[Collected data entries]
>>>

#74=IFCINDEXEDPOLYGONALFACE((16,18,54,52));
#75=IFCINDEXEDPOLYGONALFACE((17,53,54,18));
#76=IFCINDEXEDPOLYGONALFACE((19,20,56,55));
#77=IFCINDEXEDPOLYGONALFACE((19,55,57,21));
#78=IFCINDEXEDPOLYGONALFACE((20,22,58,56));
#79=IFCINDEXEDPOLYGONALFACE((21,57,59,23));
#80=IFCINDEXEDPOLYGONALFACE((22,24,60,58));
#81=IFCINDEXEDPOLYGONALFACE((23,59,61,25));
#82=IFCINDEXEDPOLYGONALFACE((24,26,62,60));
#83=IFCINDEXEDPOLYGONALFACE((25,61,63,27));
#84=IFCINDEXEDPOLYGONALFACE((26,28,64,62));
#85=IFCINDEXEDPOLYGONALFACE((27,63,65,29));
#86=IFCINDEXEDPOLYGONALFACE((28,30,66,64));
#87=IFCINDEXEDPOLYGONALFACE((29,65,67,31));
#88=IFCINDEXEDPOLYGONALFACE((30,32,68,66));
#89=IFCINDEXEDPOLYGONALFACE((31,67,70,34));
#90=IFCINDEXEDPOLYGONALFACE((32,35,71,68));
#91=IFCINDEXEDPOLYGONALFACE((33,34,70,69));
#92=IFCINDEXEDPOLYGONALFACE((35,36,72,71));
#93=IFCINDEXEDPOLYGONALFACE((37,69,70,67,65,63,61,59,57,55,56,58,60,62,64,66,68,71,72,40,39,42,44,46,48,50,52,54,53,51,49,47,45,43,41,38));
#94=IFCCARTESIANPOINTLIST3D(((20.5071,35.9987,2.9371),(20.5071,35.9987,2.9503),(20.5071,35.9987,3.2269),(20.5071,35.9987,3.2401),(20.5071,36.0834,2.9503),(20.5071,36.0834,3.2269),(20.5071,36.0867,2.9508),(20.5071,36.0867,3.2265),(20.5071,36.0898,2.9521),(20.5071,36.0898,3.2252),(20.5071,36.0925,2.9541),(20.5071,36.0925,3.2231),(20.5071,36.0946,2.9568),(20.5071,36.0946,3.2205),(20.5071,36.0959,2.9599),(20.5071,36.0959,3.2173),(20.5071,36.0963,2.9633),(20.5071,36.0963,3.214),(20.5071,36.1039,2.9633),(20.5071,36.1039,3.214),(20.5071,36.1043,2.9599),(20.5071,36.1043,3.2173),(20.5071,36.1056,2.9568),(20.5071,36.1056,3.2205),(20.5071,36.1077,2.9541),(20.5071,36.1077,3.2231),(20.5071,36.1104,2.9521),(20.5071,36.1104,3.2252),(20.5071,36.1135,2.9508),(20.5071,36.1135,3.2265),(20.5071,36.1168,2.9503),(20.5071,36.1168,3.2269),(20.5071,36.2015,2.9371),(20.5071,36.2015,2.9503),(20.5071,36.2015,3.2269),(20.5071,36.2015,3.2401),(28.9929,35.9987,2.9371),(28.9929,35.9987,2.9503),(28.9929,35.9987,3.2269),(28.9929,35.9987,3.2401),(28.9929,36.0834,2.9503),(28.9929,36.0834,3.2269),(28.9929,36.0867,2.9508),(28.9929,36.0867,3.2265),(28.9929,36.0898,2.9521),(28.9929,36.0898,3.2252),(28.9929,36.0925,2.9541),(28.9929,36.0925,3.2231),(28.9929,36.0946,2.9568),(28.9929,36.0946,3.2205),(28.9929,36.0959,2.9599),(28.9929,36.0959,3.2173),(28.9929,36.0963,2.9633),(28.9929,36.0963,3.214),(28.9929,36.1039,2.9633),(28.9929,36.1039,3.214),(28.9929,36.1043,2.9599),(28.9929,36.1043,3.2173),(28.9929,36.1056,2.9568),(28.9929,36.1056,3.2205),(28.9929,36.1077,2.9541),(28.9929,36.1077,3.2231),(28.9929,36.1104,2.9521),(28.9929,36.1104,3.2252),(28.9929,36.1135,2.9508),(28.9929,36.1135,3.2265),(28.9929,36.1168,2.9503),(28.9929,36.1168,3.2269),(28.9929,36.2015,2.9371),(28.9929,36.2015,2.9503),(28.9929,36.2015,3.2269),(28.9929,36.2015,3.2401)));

<<<

* EXERCISE GOAL: What you return should be exactly the lines above, starting at the one with "#86=IFCINDEXEDPOLYGONALFACE((28,30,66,64));" and ending at the one with "#92=IFCINDEXEDPOLYGONALFACE((35,36,72,71));", and nothing else.

* WORKED SOLUTION:
#86=IFCINDEXEDPOLYGONALFACE((28,30,66,64));
#87=IFCINDEXEDPOLYGONALFACE((29,65,67,31));
#88=IFCINDEXEDPOLYGONALFACE((30,32,68,66));
#89=IFCINDEXEDPOLYGONALFACE((31,67,70,34));
#90=IFCINDEXEDPOLYGONALFACE((32,35,71,68));
#91=IFCINDEXEDPOLYGONALFACE((33,34,70,69));
#92=IFCINDEXEDPOLYGONALFACE((35,36,72,71));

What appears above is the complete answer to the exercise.